- [Action item]
Each line holding the string "Concrete" is to be copied from the data.

- [Dataset entries]
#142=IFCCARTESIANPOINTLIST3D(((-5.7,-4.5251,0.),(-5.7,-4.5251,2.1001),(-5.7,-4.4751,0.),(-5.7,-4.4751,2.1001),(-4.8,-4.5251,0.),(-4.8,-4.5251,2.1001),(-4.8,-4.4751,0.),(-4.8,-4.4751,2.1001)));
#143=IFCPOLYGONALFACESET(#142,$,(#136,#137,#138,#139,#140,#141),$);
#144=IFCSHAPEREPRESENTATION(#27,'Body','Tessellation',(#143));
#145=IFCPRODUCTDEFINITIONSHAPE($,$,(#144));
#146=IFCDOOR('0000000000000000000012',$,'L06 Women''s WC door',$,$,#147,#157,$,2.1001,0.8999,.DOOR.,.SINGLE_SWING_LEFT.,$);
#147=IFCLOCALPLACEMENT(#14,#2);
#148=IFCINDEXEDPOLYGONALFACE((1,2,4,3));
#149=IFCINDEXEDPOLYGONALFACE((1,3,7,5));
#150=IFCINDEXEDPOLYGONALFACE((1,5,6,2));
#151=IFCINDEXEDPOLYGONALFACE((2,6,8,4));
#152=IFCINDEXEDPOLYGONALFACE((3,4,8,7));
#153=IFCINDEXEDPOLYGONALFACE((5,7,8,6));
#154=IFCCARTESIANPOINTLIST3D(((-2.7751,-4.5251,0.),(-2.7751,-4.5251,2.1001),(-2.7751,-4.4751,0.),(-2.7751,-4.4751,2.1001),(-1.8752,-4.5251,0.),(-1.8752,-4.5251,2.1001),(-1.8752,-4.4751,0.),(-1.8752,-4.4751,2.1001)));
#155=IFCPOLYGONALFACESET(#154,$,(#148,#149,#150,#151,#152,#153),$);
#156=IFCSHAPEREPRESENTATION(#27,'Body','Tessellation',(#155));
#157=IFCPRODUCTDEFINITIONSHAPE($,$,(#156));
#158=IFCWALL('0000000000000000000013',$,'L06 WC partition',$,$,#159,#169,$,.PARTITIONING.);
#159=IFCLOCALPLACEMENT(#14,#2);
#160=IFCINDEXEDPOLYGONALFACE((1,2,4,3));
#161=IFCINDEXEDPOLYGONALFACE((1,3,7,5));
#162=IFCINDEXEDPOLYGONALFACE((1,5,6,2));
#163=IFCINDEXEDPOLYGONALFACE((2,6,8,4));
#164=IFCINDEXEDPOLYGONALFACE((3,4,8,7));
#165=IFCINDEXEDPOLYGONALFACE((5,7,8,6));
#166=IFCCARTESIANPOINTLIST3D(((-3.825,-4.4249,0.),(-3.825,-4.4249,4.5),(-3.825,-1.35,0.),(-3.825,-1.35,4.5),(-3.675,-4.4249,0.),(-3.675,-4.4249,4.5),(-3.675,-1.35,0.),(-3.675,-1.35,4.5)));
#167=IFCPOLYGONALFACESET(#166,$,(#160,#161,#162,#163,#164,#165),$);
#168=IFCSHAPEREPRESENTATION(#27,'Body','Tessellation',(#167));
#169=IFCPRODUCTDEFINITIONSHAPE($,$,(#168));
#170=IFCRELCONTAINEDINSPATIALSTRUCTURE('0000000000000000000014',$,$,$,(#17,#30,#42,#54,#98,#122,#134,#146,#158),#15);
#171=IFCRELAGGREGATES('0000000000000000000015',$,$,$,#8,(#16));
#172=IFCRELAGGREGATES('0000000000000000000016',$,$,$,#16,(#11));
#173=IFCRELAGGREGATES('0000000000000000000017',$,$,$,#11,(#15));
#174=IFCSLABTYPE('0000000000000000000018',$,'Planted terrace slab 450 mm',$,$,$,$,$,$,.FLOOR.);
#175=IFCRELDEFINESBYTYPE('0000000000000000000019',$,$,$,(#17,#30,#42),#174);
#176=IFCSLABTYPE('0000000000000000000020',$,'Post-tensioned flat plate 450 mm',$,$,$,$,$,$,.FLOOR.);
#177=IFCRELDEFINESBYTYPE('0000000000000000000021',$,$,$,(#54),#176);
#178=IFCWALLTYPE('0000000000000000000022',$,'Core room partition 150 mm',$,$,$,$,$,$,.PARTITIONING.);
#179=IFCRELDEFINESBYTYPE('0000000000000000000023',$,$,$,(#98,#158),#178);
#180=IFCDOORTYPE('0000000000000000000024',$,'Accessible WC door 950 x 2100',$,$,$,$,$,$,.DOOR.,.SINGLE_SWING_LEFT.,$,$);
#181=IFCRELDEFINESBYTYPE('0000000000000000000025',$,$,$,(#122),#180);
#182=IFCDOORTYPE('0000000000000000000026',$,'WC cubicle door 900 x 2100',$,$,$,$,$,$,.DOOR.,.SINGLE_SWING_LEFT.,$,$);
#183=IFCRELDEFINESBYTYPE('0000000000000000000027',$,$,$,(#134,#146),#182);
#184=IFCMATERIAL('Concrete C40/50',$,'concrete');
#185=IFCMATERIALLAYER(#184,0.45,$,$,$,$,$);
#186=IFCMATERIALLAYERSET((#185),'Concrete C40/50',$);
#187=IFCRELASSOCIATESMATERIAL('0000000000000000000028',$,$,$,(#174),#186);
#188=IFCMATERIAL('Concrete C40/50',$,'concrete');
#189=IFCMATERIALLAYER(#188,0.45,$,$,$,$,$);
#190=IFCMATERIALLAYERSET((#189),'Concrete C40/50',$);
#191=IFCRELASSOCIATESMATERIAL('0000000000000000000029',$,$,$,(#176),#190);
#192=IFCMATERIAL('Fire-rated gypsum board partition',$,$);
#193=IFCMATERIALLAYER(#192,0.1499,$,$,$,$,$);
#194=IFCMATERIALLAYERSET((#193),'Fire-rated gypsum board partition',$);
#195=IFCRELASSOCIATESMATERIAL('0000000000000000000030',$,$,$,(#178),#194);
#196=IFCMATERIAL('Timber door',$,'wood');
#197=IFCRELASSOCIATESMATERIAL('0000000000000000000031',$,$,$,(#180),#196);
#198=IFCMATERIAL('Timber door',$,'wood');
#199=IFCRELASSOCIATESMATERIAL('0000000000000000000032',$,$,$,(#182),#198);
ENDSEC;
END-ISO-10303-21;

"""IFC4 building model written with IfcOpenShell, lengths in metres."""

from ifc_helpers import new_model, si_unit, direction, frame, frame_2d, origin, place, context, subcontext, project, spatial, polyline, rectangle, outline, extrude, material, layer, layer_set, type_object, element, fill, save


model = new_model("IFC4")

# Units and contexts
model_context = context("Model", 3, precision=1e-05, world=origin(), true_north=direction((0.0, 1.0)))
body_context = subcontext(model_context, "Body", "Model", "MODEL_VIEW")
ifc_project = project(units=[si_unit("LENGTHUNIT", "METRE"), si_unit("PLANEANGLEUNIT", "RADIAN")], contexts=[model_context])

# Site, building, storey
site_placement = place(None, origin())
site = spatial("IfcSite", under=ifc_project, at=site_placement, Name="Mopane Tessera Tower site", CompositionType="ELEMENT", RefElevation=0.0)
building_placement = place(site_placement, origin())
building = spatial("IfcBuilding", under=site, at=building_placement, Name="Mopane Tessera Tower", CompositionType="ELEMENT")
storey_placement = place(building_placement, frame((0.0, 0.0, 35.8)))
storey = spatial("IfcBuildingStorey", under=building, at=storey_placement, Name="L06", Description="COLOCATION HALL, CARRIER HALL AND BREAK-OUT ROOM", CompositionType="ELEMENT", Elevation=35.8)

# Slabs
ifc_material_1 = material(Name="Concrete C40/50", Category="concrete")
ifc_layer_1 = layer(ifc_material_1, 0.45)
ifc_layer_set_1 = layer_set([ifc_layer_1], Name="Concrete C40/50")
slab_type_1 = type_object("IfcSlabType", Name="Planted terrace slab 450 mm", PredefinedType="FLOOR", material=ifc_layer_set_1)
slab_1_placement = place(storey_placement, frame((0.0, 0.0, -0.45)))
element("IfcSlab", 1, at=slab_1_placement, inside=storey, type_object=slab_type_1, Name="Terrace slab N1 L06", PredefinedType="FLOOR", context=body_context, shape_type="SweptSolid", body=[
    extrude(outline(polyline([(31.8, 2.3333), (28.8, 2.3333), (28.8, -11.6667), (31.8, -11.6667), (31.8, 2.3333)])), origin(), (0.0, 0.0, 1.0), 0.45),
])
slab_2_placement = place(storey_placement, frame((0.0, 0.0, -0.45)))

- [Task answer]
#184=IFCMATERIAL('Concrete C40/50',$,'concrete');
#186=IFCMATERIALLAYERSET((#185),'Concrete C40/50',$);
#188=IFCMATERIAL('Concrete C40/50',$,'concrete');
#190=IFCMATERIALLAYERSET((#189),'Concrete C40/50',$);
ifc_material_1 = material(Name="Concrete C40/50", Category="concrete")
ifc_layer_set_1 = layer_set([ifc_layer_1], Name="Concrete C40/50")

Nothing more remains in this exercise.